Problem -
Out of the entries that follow, copy each line containing "IFCRELAGGREGATES".

═══

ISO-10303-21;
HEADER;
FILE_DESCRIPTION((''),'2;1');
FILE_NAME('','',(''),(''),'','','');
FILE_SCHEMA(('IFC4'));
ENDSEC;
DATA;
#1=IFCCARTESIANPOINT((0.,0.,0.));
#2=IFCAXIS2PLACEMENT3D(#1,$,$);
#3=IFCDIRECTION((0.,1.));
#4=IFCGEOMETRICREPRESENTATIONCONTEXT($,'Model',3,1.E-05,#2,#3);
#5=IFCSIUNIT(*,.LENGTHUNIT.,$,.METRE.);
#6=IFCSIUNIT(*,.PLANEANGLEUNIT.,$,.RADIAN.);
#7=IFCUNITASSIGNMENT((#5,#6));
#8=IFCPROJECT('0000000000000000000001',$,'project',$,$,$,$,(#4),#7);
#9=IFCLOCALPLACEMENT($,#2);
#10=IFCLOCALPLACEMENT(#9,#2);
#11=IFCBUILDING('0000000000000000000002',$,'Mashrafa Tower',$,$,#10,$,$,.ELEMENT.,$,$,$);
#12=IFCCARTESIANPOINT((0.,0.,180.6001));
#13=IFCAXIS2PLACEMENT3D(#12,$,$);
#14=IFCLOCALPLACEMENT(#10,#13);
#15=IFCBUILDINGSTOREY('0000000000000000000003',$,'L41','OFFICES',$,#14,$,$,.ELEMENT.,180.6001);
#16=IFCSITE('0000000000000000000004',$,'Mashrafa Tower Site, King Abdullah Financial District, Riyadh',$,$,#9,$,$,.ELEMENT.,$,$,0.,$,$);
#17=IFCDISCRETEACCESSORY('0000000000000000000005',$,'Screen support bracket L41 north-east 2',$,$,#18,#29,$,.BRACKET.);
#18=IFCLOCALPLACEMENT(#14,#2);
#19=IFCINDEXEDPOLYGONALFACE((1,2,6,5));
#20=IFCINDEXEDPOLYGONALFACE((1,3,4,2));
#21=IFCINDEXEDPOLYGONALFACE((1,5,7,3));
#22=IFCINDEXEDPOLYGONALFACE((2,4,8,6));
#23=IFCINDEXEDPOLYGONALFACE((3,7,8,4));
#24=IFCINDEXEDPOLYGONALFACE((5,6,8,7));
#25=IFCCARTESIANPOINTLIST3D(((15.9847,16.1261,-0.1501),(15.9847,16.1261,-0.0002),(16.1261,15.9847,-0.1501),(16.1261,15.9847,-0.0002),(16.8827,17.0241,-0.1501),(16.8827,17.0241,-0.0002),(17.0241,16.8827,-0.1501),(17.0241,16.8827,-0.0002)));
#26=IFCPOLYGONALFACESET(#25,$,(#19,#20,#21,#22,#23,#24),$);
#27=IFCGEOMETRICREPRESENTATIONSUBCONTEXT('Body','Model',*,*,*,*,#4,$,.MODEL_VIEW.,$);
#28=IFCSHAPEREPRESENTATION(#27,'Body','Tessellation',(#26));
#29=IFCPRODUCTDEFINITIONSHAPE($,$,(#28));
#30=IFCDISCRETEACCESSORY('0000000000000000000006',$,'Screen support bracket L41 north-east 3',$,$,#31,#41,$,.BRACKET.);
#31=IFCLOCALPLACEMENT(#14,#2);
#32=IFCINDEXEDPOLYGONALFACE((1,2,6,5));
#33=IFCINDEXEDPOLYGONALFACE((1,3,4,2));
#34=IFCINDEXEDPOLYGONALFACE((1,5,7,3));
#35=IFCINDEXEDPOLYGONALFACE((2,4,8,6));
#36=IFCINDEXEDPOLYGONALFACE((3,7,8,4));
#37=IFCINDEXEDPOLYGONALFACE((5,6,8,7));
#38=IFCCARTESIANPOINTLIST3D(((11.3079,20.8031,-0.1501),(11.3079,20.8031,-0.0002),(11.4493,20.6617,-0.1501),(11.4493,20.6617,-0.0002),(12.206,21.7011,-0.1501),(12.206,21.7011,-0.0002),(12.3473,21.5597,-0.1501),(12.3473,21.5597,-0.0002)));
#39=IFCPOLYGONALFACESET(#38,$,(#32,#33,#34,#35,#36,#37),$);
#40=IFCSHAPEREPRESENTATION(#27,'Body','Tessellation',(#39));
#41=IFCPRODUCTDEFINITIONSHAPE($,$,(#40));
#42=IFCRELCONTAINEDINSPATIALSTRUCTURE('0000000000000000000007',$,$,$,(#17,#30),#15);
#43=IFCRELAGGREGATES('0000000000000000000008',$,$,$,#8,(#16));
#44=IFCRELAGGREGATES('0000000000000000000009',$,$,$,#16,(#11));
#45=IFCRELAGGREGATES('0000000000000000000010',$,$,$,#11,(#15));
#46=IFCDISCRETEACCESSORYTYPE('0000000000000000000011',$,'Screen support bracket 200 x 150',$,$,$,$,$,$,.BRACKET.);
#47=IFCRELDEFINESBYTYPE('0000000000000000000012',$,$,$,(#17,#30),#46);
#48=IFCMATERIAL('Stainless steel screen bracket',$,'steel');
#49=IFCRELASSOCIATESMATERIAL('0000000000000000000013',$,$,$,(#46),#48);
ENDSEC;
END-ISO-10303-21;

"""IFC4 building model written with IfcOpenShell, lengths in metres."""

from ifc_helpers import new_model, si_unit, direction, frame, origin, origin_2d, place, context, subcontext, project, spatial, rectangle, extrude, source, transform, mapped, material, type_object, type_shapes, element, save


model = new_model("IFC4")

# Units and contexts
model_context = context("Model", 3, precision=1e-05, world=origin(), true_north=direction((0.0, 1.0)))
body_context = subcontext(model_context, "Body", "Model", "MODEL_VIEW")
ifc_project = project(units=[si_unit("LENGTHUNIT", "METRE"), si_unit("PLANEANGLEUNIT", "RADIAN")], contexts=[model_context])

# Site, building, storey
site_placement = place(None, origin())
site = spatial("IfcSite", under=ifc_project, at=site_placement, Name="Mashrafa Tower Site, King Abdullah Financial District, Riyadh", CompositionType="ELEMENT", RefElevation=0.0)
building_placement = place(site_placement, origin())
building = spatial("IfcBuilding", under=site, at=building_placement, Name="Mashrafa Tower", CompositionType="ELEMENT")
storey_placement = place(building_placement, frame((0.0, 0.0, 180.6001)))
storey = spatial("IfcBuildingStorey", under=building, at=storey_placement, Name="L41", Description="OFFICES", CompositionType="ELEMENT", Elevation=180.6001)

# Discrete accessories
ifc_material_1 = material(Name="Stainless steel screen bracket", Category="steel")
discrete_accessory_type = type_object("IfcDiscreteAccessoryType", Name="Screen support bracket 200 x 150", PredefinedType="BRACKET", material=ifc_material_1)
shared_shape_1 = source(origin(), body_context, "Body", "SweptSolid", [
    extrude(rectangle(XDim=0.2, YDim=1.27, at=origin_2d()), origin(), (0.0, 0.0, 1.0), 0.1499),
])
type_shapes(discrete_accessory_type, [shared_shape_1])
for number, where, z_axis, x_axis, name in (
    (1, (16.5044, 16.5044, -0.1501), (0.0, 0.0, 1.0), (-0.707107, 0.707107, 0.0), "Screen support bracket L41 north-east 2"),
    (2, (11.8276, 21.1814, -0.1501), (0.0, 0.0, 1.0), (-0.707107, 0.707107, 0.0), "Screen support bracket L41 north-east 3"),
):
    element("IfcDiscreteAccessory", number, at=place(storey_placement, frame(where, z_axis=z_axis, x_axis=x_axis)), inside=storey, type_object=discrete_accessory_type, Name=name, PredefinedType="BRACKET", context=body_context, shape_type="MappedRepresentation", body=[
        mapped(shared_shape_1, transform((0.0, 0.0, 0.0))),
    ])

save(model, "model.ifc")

═══

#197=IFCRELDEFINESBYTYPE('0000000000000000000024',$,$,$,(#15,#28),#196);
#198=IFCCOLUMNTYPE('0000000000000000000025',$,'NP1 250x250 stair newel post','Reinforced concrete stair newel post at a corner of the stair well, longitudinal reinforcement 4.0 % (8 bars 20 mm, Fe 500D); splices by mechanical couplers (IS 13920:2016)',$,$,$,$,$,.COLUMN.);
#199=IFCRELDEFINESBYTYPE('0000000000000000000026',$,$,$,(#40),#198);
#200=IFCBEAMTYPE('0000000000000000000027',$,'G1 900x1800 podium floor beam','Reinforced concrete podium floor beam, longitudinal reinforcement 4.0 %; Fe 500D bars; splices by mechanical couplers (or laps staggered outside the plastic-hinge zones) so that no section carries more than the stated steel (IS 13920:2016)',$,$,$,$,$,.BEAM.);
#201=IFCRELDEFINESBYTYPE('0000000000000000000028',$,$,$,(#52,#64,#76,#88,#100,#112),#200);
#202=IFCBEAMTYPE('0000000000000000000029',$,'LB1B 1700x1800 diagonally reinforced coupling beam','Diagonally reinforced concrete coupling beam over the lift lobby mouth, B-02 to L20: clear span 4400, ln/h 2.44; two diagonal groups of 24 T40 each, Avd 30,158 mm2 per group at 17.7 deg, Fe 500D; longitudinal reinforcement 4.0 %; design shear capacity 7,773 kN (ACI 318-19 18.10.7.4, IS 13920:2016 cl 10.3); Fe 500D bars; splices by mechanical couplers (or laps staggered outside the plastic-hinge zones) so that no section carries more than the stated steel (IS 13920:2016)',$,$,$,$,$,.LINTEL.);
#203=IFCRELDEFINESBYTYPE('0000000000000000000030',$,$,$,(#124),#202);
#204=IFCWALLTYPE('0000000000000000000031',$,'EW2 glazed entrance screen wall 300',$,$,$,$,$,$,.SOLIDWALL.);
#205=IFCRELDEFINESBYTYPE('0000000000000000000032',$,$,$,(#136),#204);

═══

Task solution -
#43=IFCRELAGGREGATES('0000000000000000000008',$,$,$,#8,(#16));
#44=IFCRELAGGREGATES('0000000000000000000009',$,$,$,#16,(#11));
#45=IFCRELAGGREGATES('0000000000000000000010',$,$,$,#11,(#15));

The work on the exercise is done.